WHAT THIS TASK INVOLVES:
Show all lines of the listing that contain the word "RefElevation".

EXTRACTED RECORDS:

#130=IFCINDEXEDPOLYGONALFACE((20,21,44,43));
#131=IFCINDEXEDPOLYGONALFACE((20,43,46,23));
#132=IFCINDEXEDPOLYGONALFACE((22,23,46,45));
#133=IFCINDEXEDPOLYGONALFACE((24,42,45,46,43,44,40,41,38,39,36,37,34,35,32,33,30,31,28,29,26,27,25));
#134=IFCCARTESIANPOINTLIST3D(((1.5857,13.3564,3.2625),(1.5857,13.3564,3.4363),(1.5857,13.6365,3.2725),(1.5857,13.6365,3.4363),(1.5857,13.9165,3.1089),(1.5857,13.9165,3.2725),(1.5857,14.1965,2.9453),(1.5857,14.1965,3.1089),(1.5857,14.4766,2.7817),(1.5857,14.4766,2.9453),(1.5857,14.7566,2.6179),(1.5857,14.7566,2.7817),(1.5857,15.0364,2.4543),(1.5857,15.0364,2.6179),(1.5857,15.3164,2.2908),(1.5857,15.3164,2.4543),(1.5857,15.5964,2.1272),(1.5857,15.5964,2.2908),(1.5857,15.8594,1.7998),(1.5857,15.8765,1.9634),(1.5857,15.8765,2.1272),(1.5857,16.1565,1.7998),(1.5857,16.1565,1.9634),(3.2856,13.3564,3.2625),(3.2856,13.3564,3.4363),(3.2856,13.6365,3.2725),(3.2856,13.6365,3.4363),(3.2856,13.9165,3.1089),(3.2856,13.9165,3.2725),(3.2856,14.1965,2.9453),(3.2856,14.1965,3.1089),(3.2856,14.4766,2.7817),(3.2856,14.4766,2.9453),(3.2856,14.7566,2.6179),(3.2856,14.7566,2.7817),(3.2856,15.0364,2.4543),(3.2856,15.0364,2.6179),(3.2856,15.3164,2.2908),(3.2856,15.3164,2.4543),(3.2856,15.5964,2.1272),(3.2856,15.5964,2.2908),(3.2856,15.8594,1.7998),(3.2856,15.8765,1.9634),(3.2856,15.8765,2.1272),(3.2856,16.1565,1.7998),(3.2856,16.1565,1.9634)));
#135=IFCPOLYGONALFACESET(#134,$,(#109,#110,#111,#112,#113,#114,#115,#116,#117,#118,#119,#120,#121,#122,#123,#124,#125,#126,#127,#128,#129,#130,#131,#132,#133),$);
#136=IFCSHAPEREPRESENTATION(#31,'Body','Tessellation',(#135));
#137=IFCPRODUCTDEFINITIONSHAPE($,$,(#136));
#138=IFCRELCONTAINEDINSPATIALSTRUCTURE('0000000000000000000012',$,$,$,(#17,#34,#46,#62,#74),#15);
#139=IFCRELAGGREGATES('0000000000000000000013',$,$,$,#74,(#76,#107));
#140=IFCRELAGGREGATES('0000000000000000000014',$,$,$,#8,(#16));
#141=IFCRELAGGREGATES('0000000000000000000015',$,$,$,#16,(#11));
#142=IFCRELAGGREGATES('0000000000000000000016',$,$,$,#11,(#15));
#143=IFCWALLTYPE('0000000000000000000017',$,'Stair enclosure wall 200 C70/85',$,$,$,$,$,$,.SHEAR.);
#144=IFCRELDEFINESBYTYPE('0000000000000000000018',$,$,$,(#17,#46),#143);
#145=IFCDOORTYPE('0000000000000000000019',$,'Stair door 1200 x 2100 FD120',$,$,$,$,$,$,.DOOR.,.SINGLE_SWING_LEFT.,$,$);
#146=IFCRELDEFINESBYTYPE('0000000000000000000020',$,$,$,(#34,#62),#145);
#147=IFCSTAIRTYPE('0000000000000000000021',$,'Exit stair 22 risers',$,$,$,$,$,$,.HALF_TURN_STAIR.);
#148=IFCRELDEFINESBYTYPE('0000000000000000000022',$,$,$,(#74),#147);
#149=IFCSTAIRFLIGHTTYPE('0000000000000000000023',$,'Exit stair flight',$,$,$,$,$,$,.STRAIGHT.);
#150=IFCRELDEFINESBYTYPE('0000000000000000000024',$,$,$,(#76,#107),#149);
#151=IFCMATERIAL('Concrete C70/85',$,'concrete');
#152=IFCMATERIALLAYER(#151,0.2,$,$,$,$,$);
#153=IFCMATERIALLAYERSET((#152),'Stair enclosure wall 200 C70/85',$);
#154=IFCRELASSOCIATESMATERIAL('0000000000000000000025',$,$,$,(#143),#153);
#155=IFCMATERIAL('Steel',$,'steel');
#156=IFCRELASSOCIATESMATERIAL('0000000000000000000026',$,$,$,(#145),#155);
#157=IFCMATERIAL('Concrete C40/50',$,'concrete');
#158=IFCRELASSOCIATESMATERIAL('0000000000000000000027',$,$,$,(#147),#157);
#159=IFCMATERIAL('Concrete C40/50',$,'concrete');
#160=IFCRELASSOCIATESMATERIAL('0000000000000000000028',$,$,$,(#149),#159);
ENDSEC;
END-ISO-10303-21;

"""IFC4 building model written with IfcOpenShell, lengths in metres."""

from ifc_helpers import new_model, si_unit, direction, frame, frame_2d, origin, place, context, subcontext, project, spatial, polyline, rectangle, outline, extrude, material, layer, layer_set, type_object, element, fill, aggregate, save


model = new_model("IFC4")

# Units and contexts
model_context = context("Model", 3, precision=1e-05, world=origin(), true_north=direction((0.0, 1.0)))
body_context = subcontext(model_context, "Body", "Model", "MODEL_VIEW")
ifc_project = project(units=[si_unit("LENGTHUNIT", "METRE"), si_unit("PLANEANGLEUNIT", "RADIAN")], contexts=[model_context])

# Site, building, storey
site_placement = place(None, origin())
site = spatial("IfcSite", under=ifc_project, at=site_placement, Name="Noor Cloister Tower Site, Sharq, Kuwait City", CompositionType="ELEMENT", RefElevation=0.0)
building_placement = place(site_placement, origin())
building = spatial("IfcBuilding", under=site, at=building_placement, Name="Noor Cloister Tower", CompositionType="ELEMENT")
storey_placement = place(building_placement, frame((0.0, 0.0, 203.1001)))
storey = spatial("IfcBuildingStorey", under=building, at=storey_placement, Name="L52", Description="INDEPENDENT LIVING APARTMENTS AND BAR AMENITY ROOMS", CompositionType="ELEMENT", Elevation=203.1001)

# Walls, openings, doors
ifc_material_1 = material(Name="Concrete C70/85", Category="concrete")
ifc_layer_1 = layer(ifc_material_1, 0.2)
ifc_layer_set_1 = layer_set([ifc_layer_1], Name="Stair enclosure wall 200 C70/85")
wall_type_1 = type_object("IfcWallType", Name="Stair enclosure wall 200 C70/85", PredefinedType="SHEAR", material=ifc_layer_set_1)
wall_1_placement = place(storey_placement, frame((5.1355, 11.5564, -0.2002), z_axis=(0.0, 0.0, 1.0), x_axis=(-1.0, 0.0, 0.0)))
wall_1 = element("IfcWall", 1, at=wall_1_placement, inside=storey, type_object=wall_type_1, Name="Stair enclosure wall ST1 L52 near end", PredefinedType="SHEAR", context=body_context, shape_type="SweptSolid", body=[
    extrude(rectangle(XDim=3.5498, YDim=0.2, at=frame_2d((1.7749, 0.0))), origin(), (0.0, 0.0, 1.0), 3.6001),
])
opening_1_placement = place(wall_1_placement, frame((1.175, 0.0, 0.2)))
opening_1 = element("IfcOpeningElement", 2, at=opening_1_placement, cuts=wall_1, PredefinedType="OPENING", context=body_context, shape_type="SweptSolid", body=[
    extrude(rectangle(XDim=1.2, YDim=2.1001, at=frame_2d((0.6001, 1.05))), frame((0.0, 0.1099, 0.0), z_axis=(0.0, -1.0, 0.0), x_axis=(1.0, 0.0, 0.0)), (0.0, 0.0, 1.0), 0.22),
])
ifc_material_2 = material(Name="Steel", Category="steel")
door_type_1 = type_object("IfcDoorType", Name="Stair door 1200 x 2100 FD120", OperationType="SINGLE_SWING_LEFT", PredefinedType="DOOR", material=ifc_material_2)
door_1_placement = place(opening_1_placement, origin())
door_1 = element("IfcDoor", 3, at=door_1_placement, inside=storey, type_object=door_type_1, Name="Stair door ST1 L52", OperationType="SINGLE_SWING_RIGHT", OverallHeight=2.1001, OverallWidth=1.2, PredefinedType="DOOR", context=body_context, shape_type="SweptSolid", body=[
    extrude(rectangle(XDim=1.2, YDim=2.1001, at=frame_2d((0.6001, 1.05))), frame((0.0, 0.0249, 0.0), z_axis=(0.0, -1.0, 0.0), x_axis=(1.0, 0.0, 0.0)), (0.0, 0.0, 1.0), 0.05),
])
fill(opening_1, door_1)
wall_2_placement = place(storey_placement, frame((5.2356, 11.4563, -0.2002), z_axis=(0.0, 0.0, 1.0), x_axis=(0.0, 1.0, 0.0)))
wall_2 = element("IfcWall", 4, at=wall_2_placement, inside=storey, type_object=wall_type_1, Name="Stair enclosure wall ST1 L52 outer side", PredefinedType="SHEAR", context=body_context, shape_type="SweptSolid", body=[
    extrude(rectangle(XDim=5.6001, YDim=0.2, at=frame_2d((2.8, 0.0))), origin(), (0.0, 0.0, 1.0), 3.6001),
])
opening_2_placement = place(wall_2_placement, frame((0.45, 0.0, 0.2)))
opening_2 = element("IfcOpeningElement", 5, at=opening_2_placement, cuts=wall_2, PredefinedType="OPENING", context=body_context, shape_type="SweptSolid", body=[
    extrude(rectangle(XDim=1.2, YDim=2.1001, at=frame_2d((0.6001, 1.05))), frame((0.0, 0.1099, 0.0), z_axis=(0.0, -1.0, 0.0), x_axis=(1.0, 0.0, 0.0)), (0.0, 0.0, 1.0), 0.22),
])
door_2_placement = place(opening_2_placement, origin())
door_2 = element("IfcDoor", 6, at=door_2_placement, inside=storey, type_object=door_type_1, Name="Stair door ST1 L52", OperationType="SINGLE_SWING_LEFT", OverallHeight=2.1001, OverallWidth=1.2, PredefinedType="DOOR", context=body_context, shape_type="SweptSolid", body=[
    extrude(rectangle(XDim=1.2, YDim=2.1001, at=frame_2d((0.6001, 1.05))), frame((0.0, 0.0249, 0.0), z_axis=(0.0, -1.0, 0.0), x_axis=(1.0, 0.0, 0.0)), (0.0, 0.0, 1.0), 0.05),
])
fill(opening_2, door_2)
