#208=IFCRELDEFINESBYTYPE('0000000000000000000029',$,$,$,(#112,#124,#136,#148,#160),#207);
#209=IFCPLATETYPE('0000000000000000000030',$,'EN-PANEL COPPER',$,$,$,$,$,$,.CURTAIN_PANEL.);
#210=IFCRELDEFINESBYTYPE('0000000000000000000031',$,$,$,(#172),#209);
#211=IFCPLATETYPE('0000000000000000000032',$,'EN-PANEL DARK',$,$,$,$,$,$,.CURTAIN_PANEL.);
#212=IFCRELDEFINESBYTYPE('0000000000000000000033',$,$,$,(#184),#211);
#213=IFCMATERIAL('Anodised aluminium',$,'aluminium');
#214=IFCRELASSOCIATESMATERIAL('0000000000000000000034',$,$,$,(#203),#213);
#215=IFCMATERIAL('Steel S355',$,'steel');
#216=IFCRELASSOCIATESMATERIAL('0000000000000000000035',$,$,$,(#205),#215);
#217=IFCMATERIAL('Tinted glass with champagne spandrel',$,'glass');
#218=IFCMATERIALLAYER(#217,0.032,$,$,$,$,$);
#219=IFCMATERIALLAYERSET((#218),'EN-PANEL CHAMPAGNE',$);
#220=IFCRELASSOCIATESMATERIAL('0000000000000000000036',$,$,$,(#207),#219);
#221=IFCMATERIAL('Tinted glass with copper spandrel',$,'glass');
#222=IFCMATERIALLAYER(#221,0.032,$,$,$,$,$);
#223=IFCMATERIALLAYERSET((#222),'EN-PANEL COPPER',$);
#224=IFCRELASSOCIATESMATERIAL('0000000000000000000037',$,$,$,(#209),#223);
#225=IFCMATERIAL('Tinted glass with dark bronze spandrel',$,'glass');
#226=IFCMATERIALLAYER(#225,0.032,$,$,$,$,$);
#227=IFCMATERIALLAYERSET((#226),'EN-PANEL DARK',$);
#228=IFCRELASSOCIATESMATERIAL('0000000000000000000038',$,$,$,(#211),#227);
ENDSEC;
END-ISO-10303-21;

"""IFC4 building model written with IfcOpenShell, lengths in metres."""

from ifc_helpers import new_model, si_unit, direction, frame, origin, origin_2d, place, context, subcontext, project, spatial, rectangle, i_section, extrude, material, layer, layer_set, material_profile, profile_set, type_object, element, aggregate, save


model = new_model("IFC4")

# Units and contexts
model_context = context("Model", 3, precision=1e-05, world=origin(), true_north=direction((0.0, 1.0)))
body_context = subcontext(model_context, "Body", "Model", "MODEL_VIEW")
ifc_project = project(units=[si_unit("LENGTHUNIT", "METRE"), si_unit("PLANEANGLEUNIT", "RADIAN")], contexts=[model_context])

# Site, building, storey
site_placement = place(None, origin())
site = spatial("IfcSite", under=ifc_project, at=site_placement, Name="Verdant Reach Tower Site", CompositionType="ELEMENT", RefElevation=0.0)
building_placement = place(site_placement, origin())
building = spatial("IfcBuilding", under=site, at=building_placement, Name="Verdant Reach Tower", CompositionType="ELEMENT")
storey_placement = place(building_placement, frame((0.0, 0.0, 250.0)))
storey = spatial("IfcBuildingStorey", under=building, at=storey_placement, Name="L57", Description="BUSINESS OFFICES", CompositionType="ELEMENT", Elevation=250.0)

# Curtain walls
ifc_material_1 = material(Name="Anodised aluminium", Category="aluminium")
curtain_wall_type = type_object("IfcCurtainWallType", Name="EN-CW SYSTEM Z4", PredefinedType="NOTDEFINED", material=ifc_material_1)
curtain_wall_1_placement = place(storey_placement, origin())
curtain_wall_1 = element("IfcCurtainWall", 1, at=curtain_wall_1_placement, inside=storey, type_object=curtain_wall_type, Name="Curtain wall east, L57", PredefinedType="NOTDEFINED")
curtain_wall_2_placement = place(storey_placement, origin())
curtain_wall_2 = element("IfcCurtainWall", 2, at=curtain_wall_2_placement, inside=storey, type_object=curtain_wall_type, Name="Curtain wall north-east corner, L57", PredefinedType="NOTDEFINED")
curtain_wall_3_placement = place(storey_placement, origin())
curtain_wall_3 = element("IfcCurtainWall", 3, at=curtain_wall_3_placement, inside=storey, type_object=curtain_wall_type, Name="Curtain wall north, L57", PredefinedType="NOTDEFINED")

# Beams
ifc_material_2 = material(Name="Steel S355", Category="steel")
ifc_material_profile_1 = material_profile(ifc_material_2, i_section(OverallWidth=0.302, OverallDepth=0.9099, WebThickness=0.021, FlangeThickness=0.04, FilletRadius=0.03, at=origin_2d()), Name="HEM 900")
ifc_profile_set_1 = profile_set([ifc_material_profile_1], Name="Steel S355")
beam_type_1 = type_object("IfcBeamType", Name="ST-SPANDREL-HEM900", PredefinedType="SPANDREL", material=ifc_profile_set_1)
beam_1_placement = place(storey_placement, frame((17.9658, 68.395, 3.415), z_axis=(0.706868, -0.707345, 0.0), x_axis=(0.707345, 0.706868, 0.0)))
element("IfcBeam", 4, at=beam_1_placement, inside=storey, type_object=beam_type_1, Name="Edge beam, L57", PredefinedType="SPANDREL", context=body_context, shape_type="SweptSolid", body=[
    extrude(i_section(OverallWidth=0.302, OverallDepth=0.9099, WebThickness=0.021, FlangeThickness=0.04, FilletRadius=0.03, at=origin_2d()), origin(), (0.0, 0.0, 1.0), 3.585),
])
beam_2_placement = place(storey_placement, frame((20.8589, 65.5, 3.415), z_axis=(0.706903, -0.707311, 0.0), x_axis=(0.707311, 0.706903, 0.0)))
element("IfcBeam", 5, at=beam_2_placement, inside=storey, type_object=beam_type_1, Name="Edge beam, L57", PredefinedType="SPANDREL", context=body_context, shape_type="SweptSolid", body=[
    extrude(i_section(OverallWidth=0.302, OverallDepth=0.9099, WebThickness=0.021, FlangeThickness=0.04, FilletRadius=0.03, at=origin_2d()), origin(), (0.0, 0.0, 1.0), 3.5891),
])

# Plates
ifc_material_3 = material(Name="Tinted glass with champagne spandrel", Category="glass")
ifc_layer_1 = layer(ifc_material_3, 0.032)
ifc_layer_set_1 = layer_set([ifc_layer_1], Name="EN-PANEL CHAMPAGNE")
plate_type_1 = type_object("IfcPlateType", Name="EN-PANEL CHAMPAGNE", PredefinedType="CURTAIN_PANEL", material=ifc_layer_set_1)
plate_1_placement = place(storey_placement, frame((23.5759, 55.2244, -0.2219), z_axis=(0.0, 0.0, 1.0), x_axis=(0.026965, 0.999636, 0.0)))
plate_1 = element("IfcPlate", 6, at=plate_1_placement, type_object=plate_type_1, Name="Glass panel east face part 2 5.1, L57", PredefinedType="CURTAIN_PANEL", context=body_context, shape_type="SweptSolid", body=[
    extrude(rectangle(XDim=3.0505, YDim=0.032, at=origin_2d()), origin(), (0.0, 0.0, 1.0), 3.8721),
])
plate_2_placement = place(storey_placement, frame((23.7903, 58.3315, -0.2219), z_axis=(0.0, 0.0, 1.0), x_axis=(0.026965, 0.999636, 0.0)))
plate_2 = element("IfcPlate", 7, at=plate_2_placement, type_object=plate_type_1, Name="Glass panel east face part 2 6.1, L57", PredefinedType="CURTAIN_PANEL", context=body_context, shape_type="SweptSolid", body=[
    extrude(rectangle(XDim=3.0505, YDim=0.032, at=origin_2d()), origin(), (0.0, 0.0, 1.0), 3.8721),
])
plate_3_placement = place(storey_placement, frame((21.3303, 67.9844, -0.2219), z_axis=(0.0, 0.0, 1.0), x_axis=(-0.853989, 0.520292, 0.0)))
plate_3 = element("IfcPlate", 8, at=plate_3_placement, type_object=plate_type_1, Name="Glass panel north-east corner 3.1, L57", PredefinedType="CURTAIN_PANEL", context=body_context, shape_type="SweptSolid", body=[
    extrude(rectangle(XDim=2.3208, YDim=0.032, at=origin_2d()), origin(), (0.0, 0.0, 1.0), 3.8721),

RESULT OF THIS TASK:
site = spatial("IfcSite", under=ifc_project, at=site_placement, Name="Noor Cloister Tower Site, Sharq, Kuwait City", CompositionType="ELEMENT", RefElevation=0.0)
site = spatial("IfcSite", under=ifc_project, at=site_placement, Name="Verdant Reach Tower Site", CompositionType="ELEMENT", RefElevation=0.0)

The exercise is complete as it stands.